══ Data listing
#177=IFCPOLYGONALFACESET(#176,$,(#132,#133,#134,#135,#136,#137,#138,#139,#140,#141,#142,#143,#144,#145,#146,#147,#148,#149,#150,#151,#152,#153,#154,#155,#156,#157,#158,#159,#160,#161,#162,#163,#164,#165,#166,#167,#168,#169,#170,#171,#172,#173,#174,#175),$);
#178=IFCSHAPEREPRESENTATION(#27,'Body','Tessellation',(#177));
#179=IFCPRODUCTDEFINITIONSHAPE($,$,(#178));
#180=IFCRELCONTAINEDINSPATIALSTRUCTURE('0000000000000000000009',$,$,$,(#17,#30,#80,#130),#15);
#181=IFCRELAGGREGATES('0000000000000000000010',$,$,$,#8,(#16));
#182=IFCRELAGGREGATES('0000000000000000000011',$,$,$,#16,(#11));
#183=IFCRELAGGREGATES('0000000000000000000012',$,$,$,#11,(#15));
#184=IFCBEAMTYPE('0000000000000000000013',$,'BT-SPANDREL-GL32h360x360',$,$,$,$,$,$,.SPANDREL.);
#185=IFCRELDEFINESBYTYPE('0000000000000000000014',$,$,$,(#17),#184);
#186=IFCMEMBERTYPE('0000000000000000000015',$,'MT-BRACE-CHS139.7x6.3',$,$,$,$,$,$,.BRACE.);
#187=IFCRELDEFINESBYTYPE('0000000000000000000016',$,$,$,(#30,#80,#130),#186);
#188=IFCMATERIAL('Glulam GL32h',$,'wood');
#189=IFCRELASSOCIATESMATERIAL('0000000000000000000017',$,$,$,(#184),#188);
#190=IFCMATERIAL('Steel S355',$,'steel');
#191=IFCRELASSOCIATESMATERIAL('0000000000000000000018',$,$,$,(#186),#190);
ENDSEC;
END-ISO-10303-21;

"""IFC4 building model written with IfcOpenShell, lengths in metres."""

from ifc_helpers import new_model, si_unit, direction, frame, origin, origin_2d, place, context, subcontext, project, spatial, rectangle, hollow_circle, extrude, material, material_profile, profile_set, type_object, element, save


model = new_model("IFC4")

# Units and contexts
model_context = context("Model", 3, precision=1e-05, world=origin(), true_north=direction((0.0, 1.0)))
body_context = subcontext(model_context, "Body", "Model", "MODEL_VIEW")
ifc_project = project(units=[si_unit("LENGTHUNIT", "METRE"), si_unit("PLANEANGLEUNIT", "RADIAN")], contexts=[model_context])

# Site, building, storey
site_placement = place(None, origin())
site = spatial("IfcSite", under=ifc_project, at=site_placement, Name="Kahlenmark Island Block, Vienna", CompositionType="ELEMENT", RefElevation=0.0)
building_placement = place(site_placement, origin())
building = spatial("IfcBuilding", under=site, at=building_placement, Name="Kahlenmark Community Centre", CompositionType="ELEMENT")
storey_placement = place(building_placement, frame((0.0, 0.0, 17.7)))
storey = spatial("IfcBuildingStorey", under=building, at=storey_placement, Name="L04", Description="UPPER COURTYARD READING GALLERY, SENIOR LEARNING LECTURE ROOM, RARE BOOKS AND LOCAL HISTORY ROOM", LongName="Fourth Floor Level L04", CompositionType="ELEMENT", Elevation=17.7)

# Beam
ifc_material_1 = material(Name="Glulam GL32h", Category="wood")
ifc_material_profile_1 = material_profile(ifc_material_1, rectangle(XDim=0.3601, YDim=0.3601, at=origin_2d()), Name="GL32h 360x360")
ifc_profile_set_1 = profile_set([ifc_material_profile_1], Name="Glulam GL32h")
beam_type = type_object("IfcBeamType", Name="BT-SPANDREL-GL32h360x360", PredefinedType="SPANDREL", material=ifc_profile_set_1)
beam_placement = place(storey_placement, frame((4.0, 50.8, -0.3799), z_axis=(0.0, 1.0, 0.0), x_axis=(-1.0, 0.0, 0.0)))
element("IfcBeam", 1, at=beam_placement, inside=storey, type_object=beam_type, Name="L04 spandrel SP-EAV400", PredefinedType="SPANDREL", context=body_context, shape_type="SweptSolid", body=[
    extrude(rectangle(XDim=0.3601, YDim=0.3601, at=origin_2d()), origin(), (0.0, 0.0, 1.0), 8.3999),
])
════
══ Data listing
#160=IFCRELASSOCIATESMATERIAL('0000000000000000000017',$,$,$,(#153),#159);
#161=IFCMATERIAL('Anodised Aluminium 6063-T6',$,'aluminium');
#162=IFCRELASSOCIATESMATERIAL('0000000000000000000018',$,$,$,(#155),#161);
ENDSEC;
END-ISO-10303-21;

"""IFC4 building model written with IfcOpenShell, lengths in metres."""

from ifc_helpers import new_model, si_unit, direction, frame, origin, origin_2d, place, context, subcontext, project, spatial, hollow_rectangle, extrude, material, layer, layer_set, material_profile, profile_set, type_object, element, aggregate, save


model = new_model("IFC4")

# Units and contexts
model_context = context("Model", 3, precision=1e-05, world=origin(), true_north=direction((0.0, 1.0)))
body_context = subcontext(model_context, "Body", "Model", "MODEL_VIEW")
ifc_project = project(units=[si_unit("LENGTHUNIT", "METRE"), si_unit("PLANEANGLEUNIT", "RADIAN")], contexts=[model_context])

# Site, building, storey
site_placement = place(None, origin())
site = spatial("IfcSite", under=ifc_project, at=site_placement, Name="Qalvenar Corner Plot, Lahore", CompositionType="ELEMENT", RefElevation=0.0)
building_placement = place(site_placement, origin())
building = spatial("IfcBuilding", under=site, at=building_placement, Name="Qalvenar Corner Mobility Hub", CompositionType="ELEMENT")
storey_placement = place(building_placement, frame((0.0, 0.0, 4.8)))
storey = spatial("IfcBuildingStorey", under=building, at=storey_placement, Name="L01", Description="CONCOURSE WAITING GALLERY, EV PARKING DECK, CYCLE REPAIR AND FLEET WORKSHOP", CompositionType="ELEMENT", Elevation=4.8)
════
To do: Show the lines above that include "RefElevation".

Solution to the problem:
site = spatial("IfcSite", under=ifc_project, at=site_placement, Name="Kahlenmark Island Block, Vienna", CompositionType="ELEMENT", RefElevation=0.0)
site = spatial("IfcSite", under=ifc_project, at=site_placement, Name="Qalvenar Corner Plot, Lahore", CompositionType="ELEMENT", RefElevation=0.0)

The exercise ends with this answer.